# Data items

# # # # # # #

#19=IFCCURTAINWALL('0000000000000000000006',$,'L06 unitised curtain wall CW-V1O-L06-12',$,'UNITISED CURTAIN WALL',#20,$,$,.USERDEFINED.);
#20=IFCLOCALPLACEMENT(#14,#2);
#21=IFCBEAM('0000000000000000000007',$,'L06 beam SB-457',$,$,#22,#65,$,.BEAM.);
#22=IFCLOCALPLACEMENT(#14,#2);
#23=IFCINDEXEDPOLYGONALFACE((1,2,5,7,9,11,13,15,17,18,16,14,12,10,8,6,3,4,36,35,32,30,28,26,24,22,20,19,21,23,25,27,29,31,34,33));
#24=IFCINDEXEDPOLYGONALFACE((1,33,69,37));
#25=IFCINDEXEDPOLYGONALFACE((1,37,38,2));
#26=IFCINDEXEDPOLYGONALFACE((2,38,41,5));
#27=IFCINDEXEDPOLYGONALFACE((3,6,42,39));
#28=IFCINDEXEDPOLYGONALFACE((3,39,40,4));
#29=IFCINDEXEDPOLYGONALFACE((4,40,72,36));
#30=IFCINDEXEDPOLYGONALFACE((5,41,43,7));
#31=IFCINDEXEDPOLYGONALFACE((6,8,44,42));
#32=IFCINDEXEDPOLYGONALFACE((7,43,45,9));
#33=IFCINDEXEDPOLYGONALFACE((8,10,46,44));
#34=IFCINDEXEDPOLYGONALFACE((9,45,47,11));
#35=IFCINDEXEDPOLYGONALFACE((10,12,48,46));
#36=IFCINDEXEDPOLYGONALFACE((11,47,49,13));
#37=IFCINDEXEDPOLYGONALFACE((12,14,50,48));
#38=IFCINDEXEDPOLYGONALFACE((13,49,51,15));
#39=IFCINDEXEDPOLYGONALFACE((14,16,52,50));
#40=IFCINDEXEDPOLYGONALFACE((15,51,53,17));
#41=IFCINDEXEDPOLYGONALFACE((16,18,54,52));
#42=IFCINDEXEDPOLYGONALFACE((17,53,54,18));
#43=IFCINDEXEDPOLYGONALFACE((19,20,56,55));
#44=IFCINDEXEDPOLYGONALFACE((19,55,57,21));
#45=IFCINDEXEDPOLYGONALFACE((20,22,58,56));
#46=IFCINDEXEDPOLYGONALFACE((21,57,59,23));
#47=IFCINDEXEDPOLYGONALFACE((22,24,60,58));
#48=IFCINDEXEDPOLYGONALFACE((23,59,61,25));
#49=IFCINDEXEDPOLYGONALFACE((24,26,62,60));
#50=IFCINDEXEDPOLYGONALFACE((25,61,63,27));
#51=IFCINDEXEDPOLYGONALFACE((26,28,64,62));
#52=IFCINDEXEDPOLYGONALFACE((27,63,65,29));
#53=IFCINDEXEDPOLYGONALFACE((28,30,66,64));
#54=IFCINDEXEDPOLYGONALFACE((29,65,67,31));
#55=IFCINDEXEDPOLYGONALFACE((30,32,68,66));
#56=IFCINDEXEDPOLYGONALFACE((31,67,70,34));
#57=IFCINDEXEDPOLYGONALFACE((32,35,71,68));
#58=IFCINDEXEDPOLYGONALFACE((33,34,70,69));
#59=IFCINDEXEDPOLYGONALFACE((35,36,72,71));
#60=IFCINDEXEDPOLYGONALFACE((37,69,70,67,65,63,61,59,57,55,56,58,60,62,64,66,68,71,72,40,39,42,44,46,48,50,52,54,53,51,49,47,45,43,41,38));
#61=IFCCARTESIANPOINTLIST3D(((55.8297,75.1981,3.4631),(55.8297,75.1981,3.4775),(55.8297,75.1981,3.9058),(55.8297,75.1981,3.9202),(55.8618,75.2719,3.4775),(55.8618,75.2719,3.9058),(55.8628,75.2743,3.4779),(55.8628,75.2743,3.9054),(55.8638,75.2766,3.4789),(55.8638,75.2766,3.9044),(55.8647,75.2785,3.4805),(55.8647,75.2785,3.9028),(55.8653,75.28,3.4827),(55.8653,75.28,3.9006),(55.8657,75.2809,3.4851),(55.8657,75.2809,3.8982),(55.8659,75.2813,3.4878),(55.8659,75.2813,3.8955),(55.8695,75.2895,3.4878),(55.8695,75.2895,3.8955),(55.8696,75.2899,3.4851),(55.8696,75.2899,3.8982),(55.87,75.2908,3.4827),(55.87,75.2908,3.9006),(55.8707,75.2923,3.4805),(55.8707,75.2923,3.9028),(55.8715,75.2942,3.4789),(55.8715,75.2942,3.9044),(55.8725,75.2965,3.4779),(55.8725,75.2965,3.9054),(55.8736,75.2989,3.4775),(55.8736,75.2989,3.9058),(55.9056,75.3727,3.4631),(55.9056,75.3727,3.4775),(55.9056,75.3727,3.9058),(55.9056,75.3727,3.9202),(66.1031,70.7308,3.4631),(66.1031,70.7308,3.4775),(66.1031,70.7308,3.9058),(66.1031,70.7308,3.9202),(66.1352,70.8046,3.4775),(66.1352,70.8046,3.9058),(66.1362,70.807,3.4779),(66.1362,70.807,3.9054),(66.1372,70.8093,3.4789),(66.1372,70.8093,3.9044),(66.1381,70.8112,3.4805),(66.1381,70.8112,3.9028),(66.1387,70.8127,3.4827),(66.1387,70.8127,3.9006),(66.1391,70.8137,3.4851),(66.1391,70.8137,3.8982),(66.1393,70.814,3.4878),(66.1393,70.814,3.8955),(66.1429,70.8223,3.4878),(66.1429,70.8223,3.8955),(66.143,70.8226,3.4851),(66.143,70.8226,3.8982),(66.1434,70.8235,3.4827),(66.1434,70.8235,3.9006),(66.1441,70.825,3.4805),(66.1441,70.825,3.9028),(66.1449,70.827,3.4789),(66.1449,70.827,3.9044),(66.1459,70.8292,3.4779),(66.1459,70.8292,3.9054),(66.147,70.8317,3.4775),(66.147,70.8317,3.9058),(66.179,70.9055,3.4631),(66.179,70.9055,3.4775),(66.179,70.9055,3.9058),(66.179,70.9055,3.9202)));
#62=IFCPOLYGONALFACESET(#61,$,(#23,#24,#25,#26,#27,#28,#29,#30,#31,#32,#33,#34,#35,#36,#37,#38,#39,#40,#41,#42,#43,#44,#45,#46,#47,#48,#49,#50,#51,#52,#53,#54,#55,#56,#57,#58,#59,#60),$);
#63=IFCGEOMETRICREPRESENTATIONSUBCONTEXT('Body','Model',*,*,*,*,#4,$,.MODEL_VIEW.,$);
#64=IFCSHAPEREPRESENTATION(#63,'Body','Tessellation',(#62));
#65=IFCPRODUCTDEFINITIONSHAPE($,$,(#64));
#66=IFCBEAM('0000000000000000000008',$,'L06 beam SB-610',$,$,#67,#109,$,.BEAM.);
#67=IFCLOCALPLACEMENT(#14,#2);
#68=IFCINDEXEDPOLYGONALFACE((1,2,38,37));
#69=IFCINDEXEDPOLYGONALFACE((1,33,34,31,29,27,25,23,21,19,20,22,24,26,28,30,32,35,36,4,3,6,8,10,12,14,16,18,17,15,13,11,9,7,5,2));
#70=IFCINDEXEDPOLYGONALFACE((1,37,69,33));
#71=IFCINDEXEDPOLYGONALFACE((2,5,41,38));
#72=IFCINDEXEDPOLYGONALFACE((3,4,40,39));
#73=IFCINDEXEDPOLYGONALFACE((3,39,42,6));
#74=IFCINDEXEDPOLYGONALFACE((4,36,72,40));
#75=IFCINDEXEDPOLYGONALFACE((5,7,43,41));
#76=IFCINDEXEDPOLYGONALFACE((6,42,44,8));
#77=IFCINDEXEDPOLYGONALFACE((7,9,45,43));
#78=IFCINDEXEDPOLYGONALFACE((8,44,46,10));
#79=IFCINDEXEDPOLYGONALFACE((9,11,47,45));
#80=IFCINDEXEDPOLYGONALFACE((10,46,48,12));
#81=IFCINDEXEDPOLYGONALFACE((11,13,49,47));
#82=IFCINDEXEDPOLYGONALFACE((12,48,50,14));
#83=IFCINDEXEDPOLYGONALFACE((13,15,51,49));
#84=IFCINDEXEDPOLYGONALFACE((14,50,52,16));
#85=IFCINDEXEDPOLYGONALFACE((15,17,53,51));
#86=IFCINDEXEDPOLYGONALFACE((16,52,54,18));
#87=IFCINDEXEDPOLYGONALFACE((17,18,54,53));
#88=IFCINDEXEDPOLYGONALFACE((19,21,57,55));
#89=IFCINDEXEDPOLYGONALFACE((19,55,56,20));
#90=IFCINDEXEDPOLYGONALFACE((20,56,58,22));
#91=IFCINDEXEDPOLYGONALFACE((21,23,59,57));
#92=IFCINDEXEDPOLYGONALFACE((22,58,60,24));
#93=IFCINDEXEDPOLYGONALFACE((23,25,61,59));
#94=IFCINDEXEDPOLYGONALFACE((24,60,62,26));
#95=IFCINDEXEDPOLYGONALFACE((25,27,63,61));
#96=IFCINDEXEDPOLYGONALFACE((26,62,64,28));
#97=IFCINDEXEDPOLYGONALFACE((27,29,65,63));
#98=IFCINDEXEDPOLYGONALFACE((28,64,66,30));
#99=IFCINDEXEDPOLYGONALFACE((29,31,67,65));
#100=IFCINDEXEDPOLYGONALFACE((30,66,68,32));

# # # # # # #

# Required action
Among the entries above, the lines between the ones containing "#80=IFCINDEXEDPOLYGONALFACE((10,46,48,12));" and "#99=IFCINDEXEDPOLYGONALFACE((29,31,67,65));", inclusive, are to be transcribed exactly. No other line is to be given.

# Written response
#80=IFCINDEXEDPOLYGONALFACE((10,46,48,12));
#81=IFCINDEXEDPOLYGONALFACE((11,13,49,47));
#82=IFCINDEXEDPOLYGONALFACE((12,48,50,14));
#83=IFCINDEXEDPOLYGONALFACE((13,15,51,49));
#84=IFCINDEXEDPOLYGONALFACE((14,50,52,16));
#85=IFCINDEXEDPOLYGONALFACE((15,17,53,51));
#86=IFCINDEXEDPOLYGONALFACE((16,52,54,18));
#87=IFCINDEXEDPOLYGONALFACE((17,18,54,53));
#88=IFCINDEXEDPOLYGONALFACE((19,21,57,55));
#89=IFCINDEXEDPOLYGONALFACE((19,55,56,20));
#90=IFCINDEXEDPOLYGONALFACE((20,56,58,22));
#91=IFCINDEXEDPOLYGONALFACE((21,23,59,57));
#92=IFCINDEXEDPOLYGONALFACE((22,58,60,24));
#93=IFCINDEXEDPOLYGONALFACE((23,25,61,59));
#94=IFCINDEXEDPOLYGONALFACE((24,60,62,26));
#95=IFCINDEXEDPOLYGONALFACE((25,27,63,61));
#96=IFCINDEXEDPOLYGONALFACE((26,62,64,28));
#97=IFCINDEXEDPOLYGONALFACE((27,29,65,63));
#98=IFCINDEXEDPOLYGONALFACE((28,64,66,30));
#99=IFCINDEXEDPOLYGONALFACE((29,31,67,65));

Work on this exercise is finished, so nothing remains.